◆ The data
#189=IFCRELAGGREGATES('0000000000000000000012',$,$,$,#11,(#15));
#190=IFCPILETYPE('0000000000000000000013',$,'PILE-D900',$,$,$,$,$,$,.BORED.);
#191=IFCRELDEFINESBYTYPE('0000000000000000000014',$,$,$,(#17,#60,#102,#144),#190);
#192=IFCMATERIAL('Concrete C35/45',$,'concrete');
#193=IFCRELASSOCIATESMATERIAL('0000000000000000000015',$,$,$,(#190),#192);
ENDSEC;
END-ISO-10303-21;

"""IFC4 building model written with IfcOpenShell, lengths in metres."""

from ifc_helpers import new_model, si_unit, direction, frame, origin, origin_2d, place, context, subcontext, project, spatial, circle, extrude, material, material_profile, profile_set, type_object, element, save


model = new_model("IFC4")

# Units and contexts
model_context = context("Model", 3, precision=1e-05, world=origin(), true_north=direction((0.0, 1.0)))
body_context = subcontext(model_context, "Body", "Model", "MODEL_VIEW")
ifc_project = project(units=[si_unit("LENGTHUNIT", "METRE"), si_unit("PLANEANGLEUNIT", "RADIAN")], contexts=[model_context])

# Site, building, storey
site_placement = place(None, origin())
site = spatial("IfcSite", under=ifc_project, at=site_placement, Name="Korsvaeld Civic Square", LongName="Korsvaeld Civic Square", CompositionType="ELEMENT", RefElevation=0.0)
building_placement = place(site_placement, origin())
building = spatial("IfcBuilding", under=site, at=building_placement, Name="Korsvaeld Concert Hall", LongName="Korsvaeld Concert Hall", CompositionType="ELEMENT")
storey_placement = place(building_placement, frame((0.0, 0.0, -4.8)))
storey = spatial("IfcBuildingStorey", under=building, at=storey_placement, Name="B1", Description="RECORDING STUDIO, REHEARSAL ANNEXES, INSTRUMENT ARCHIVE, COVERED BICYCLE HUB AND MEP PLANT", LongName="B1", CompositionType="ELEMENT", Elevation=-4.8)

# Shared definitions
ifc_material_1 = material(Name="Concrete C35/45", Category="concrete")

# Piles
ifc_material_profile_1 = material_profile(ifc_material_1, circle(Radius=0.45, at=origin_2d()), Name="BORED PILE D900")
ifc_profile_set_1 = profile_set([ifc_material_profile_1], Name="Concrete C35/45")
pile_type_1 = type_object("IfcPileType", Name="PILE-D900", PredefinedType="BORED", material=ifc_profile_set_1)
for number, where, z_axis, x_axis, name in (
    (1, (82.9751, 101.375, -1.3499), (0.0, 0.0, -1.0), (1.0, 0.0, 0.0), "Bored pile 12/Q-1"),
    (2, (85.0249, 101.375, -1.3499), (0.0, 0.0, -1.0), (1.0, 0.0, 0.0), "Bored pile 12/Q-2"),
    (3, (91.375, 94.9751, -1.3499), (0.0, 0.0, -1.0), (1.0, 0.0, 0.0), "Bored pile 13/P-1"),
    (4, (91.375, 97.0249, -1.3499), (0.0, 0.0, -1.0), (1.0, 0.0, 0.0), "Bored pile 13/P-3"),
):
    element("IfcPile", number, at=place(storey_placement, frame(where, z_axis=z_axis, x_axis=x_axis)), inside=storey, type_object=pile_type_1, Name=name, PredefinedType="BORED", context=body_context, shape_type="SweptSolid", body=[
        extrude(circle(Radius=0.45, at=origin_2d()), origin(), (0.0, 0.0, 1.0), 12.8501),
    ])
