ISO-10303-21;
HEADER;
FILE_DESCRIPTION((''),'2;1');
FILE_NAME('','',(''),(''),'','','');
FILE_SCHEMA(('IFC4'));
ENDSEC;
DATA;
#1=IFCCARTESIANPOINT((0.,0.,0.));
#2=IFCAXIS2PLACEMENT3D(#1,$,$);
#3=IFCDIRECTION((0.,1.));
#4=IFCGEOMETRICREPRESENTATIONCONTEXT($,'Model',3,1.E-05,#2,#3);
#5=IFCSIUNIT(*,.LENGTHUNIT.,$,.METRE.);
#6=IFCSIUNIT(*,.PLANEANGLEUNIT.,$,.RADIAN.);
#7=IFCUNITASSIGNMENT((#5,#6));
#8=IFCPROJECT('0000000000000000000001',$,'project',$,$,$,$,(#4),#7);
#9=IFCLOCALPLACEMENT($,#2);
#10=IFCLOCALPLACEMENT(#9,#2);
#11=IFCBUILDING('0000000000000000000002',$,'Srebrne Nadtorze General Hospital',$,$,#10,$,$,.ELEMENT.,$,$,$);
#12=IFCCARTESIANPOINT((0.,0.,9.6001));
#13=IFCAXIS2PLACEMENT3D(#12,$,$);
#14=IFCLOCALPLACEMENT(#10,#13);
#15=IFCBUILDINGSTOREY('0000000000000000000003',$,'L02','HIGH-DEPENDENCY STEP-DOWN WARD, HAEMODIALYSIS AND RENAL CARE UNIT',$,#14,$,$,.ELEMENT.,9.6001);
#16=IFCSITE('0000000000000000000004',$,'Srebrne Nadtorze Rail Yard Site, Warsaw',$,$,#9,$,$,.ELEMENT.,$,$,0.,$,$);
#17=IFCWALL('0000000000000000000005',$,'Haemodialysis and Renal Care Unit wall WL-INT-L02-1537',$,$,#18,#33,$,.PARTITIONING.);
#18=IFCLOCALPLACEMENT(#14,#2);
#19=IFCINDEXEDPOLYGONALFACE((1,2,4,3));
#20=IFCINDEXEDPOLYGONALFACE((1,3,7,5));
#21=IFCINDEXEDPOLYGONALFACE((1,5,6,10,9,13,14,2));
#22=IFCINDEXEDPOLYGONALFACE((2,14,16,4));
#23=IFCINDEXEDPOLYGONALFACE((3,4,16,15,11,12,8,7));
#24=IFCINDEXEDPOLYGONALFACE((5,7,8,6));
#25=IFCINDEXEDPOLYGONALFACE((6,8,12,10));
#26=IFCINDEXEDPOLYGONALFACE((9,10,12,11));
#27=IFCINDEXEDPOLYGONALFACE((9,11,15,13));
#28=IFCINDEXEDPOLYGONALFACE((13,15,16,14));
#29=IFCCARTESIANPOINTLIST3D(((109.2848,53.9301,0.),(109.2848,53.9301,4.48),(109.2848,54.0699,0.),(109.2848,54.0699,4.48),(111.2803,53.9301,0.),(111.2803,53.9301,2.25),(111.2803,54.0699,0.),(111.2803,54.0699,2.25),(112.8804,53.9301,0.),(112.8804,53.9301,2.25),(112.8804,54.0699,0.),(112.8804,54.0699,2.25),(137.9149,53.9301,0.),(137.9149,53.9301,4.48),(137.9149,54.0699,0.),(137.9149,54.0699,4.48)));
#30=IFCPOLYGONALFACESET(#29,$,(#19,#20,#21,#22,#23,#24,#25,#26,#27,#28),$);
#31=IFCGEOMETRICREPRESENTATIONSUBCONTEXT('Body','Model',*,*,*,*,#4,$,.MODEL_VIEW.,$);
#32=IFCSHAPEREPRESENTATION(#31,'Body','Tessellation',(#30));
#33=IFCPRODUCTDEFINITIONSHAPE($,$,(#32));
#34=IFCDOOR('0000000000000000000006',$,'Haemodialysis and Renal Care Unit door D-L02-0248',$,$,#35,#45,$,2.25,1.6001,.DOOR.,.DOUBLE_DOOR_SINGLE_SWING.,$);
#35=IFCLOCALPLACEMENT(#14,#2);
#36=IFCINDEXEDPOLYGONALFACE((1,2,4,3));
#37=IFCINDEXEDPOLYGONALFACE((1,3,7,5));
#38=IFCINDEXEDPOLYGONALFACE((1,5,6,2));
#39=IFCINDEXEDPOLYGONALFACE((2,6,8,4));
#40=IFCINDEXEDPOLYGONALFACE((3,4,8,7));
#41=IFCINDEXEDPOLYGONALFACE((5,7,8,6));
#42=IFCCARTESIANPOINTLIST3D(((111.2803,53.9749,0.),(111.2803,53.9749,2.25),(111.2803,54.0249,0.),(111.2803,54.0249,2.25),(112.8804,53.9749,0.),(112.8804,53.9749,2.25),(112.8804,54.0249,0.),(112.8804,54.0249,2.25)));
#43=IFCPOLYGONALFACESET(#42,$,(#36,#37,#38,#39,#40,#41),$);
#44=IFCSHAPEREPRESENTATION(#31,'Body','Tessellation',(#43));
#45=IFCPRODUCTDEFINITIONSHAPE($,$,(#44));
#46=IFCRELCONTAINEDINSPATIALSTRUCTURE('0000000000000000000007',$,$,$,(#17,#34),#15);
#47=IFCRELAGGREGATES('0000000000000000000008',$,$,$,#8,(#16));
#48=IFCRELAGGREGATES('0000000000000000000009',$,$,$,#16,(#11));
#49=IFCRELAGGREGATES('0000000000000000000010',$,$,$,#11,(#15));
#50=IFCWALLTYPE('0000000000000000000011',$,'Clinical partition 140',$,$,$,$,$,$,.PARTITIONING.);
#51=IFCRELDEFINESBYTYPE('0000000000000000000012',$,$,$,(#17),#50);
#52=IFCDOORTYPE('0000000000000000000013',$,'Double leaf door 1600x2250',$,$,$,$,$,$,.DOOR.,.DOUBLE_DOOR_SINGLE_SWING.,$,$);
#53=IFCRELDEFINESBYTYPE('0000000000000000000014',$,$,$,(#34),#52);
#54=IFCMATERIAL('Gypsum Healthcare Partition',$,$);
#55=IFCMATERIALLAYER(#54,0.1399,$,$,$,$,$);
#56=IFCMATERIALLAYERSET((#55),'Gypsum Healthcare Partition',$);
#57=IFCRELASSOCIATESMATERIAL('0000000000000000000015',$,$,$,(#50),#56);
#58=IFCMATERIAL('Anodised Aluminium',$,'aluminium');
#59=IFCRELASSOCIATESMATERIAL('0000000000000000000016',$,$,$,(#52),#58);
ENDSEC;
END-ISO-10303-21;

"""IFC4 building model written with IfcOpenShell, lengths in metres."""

from ifc_helpers import new_model, si_unit, direction, frame, frame_2d, origin, place, context, subcontext, project, spatial, rectangle, extrude, material, layer, layer_set, type_object, element, fill, save


model = new_model("IFC4")

# Units and contexts
model_context = context("Model", 3, precision=1e-05, world=origin(), true_north=direction((0.0, 1.0)))
body_context = subcontext(model_context, "Body", "Model", "MODEL_VIEW")
ifc_project = project(units=[si_unit("LENGTHUNIT", "METRE"), si_unit("PLANEANGLEUNIT", "RADIAN")], contexts=[model_context])

# Site, building, storey
site_placement = place(None, origin())
site = spatial("IfcSite", under=ifc_project, at=site_placement, Name="Srebrne Nadtorze Rail Yard Site, Warsaw", CompositionType="ELEMENT", RefElevation=0.0)
building_placement = place(site_placement, origin())
building = spatial("IfcBuilding", under=site, at=building_placement, Name="Srebrne Nadtorze General Hospital", CompositionType="ELEMENT")
storey_placement = place(building_placement, frame((0.0, 0.0, 9.6001)))
storey = spatial("IfcBuildingStorey", under=building, at=storey_placement, Name="L02", Description="HIGH-DEPENDENCY STEP-DOWN WARD, HAEMODIALYSIS AND RENAL CARE UNIT", CompositionType="ELEMENT", Elevation=9.6001)

# Wall, opening, door
ifc_material_1 = material(Name="Gypsum Healthcare Partition")
ifc_layer = layer(ifc_material_1, 0.1399)
ifc_layer_set = layer_set([ifc_layer], Name="Gypsum Healthcare Partition")
wall_type = type_object("IfcWallType", Name="Clinical partition 140", PredefinedType="PARTITIONING", material=ifc_layer_set)
wall_placement = place(storey_placement, frame((109.2849, 54.0, 0.0), z_axis=(0.0, 0.0, 1.0), x_axis=(1.0, 0.0, 0.0)))
wall = element("IfcWall", 1, at=wall_placement, inside=storey, type_object=wall_type, Name="Haemodialysis and Renal Care Unit wall WL-INT-L02-1537", PredefinedType="PARTITIONING", context=body_context, shape_type="SweptSolid", body=[
    extrude(rectangle(XDim=28.6301, YDim=0.1399, at=frame_2d((14.3149, 0.0))), origin(), (0.0, 0.0, 1.0), 4.48),
])
opening_placement = place(wall_placement, frame((1.9954, 0.0, 0.0)))
opening = element("IfcOpeningElement", 2, at=opening_placement, cuts=wall, PredefinedType="OPENING", context=body_context, shape_type="SweptSolid", body=[
    extrude(rectangle(XDim=1.6001, YDim=2.25, at=frame_2d((0.8, 1.125))), frame((0.0, 0.082, 0.0), z_axis=(0.0, -1.0, 0.0), x_axis=(1.0, 0.0, 0.0)), (0.0, 0.0, 1.0), 0.1638),
])
ifc_material_2 = material(Name="Anodised Aluminium", Category="aluminium")
door_type = type_object("IfcDoorType", Name="Double leaf door 1600x2250", OperationType="DOUBLE_DOOR_SINGLE_SWING", PredefinedType="DOOR", material=ifc_material_2)
door_placement = place(opening_placement, origin())
door = element("IfcDoor", 3, at=door_placement, inside=storey, type_object=door_type, Name="Haemodialysis and Renal Care Unit door D-L02-0248", OperationType="DOUBLE_DOOR_SINGLE_SWING", OverallHeight=2.25, OverallWidth=1.6001, PredefinedType="DOOR", context=body_context, shape_type="SweptSolid", body=[
    extrude(rectangle(XDim=1.6001, YDim=2.25, at=frame_2d((0.8, 1.125))), frame((0.0, 0.0249, 0.0), z_axis=(0.0, -1.0, 0.0), x_axis=(1.0, 0.0, 0.0)), (0.0, 0.0, 1.0), 0.05),
])
fill(opening, door)

save(model, "model.ifc")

◆ Task requirements
When a line in the records above holds "IFCRELDEFINESBYTYPE", that line is to be reported.

◆ Solution for this task
#191=IFCRELDEFINESBYTYPE('0000000000000000000014',$,$,$,(#17,#60,#102,#144),#190);
#51=IFCRELDEFINESBYTYPE('0000000000000000000012',$,$,$,(#17),#50);
#53=IFCRELDEFINESBYTYPE('0000000000000000000014',$,$,$,(#34),#52);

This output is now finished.